§ **How to complete this task**
Return the run of lines below that opens with the line containing "#209=IFCMATERIAL('Gypsum board on" and closes with the line containing "building model written", keeping each one exact.
Records supplied START
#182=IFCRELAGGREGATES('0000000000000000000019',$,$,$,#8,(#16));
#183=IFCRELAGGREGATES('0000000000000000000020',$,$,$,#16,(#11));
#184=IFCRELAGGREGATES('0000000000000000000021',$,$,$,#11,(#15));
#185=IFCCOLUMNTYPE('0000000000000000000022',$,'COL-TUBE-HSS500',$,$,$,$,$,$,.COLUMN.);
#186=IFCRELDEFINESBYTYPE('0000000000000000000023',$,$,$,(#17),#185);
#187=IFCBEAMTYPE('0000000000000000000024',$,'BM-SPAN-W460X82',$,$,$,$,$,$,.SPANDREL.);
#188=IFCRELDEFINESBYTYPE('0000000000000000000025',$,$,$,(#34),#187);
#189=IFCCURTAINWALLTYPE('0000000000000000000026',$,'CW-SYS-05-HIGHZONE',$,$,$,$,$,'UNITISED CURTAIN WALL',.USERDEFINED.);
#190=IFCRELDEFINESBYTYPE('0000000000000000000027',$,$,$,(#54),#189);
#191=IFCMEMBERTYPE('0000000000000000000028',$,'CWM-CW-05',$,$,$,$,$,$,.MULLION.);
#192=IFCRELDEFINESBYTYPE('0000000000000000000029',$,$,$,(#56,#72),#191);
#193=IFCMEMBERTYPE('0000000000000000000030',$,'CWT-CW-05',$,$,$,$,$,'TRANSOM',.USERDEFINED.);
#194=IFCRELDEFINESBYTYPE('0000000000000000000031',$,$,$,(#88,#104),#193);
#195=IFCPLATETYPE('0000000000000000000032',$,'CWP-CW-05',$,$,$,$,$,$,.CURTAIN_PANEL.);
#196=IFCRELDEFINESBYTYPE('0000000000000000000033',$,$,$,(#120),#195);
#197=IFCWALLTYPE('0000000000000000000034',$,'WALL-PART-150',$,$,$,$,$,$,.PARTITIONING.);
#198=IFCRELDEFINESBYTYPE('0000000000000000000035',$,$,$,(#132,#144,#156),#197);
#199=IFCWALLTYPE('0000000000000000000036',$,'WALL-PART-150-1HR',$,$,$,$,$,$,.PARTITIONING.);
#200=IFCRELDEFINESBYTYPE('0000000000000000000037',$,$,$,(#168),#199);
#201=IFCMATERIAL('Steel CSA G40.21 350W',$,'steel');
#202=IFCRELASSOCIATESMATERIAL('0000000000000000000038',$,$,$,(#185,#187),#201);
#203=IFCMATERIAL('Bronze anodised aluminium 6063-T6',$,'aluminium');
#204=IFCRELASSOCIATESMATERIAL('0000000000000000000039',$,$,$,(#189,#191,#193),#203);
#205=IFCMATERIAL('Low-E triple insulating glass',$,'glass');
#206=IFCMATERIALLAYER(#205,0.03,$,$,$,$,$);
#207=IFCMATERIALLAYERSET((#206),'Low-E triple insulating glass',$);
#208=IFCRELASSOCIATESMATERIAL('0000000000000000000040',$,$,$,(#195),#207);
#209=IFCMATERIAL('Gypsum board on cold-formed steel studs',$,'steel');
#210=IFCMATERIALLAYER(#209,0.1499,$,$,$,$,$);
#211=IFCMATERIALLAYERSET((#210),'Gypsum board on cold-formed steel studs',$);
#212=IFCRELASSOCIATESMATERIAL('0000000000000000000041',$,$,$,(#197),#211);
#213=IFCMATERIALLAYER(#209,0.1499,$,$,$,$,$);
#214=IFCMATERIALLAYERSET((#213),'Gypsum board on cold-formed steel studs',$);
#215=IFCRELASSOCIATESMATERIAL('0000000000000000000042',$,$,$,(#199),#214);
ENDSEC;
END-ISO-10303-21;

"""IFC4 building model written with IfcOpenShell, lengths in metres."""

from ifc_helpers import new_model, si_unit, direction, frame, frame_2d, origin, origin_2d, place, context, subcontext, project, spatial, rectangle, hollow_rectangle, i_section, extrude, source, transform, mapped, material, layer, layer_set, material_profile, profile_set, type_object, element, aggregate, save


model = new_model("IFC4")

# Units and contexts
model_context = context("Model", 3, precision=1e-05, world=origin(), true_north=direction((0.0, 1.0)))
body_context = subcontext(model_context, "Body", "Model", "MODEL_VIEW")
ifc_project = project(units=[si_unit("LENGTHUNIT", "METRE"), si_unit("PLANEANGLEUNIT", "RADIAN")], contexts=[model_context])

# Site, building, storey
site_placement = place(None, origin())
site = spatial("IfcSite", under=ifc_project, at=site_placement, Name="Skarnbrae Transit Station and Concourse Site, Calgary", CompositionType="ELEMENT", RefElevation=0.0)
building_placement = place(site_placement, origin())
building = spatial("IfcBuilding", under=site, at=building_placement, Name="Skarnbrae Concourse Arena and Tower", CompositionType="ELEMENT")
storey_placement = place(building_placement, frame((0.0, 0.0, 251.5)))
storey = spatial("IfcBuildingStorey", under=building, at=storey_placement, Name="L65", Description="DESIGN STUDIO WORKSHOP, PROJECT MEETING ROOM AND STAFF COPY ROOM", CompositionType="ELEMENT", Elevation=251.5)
Records supplied END
§ **Finished task**
#209=IFCMATERIAL('Gypsum board on cold-formed steel studs',$,'steel');
#210=IFCMATERIALLAYER(#209,0.1499,$,$,$,$,$);
#211=IFCMATERIALLAYERSET((#210),'Gypsum board on cold-formed steel studs',$);
#212=IFCRELASSOCIATESMATERIAL('0000000000000000000041',$,$,$,(#197),#211);
#213=IFCMATERIALLAYER(#209,0.1499,$,$,$,$,$);
#214=IFCMATERIALLAYERSET((#213),'Gypsum board on cold-formed steel studs',$);
#215=IFCRELASSOCIATESMATERIAL('0000000000000000000042',$,$,$,(#199),#214);
ENDSEC;
END-ISO-10303-21;

"""IFC4 building model written with IfcOpenShell, lengths in metres."""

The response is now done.